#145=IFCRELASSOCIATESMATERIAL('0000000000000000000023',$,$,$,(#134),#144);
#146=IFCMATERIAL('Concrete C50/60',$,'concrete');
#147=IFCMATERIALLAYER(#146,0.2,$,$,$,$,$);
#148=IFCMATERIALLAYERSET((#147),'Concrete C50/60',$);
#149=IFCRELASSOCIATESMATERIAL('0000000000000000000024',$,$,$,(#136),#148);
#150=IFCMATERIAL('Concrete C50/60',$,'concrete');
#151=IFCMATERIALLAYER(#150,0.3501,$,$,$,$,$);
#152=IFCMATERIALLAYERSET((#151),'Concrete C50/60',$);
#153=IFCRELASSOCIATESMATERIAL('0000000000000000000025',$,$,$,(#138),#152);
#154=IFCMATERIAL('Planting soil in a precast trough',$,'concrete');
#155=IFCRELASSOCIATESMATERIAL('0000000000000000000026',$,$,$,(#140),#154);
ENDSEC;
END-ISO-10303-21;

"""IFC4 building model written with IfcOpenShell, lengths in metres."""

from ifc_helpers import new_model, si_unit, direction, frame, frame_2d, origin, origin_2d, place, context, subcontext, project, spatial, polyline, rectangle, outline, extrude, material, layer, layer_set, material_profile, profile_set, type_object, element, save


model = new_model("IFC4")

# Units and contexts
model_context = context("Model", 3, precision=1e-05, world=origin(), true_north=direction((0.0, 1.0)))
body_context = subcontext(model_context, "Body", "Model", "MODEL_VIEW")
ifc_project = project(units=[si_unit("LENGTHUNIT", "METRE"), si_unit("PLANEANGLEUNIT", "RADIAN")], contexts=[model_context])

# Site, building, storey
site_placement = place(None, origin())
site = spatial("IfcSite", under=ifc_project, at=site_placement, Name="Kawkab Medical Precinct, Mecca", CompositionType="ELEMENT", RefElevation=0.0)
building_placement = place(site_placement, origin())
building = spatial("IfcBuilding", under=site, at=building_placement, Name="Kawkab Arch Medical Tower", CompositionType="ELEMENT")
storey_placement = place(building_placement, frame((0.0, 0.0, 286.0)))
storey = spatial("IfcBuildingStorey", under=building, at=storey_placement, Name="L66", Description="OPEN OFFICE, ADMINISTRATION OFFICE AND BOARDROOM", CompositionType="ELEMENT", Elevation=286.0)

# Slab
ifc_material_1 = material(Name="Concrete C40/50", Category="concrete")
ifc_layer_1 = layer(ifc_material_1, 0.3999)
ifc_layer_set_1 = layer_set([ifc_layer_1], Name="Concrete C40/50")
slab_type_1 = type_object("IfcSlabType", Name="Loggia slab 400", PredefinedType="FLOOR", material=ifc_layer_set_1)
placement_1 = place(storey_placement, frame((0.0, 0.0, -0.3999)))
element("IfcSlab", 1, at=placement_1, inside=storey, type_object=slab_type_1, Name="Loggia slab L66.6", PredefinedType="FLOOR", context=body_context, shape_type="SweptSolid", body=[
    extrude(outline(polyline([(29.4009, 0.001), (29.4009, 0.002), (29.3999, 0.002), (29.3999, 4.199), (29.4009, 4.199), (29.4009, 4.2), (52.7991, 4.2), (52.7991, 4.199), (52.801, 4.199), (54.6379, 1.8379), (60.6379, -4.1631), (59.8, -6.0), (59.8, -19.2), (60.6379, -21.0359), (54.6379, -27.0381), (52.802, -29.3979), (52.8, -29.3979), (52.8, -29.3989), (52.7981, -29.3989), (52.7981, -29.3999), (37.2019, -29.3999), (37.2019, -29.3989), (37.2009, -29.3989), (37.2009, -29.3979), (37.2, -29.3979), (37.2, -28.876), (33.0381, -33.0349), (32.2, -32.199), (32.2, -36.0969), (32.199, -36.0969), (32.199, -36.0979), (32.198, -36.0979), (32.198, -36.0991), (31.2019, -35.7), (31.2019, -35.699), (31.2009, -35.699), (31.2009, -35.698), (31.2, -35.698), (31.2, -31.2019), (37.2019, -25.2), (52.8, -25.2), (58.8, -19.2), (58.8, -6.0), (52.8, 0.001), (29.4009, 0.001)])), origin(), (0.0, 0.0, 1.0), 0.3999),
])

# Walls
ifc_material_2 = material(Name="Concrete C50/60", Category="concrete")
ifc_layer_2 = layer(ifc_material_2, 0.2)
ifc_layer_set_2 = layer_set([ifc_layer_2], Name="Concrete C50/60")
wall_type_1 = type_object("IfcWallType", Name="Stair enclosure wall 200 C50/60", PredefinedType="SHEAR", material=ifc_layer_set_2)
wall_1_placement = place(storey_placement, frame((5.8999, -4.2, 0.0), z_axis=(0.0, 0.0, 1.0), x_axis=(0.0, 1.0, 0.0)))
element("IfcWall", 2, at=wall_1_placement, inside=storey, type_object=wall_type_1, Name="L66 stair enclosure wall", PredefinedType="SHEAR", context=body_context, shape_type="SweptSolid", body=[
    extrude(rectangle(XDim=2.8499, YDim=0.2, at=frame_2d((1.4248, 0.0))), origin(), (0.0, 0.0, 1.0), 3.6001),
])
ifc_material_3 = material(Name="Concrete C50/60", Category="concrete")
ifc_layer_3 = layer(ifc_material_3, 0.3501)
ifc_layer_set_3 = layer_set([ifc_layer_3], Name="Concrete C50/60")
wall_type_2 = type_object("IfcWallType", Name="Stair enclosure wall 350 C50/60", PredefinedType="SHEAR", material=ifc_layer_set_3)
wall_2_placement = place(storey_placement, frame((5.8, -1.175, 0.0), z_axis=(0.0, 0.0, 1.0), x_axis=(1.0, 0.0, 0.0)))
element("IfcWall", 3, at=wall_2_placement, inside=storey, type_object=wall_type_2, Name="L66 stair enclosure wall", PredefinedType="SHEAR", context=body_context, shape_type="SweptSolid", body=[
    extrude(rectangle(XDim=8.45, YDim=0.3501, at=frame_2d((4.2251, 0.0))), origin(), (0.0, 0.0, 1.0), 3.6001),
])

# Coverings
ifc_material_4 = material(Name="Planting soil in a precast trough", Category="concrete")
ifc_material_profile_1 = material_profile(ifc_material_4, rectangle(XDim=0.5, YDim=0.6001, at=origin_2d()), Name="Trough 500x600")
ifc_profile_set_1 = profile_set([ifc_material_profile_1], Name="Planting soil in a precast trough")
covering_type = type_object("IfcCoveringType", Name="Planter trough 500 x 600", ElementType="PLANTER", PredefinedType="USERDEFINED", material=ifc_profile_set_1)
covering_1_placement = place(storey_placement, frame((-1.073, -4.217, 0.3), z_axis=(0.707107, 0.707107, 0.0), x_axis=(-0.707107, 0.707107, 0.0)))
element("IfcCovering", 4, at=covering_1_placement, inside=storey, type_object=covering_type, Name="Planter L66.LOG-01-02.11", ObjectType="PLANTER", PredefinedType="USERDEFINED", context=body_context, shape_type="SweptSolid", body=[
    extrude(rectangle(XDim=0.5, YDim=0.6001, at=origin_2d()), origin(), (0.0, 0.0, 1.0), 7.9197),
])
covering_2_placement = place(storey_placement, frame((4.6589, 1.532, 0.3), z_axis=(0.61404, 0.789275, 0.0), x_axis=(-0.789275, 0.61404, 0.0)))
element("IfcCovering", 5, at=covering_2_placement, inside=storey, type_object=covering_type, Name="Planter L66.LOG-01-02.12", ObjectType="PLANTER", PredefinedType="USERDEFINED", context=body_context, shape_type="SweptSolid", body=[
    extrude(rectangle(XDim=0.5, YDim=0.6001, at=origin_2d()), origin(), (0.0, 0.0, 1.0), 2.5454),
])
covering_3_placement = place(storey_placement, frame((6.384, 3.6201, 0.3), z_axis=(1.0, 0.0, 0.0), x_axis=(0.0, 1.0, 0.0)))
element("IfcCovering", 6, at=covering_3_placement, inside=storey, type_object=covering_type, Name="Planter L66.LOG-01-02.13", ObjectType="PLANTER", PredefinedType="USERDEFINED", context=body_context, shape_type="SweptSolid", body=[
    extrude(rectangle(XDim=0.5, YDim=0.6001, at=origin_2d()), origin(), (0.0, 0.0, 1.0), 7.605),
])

:: ACTIVITY ::
From the entries above, give again exactly the lines running from the line with "#147=IFCMATERIALLAYER(#146,0.2,$,$,$,$,$);" to the line with "site_placement = place(None, origin())"; include both of those lines.

:: RESPONSE AREA ::
#147=IFCMATERIALLAYER(#146,0.2,$,$,$,$,$);
#148=IFCMATERIALLAYERSET((#147),'Concrete C50/60',$);
#149=IFCRELASSOCIATESMATERIAL('0000000000000000000024',$,$,$,(#136),#148);
#150=IFCMATERIAL('Concrete C50/60',$,'concrete');
#151=IFCMATERIALLAYER(#150,0.3501,$,$,$,$,$);
#152=IFCMATERIALLAYERSET((#151),'Concrete C50/60',$);
#153=IFCRELASSOCIATESMATERIAL('0000000000000000000025',$,$,$,(#138),#152);
#154=IFCMATERIAL('Planting soil in a precast trough',$,'concrete');
#155=IFCRELASSOCIATESMATERIAL('0000000000000000000026',$,$,$,(#140),#154);
ENDSEC;
END-ISO-10303-21;

"""IFC4 building model written with IfcOpenShell, lengths in metres."""

from ifc_helpers import new_model, si_unit, direction, frame, frame_2d, origin, origin_2d, place, context, subcontext, project, spatial, polyline, rectangle, outline, extrude, material, layer, layer_set, material_profile, profile_set, type_object, element, save


model = new_model("IFC4")

# Units and contexts
model_context = context("Model", 3, precision=1e-05, world=origin(), true_north=direction((0.0, 1.0)))
body_context = subcontext(model_context, "Body", "Model", "MODEL_VIEW")
ifc_project = project(units=[si_unit("LENGTHUNIT", "METRE"), si_unit("PLANEANGLEUNIT", "RADIAN")], contexts=[model_context])

# Site, building, storey
site_placement = place(None, origin())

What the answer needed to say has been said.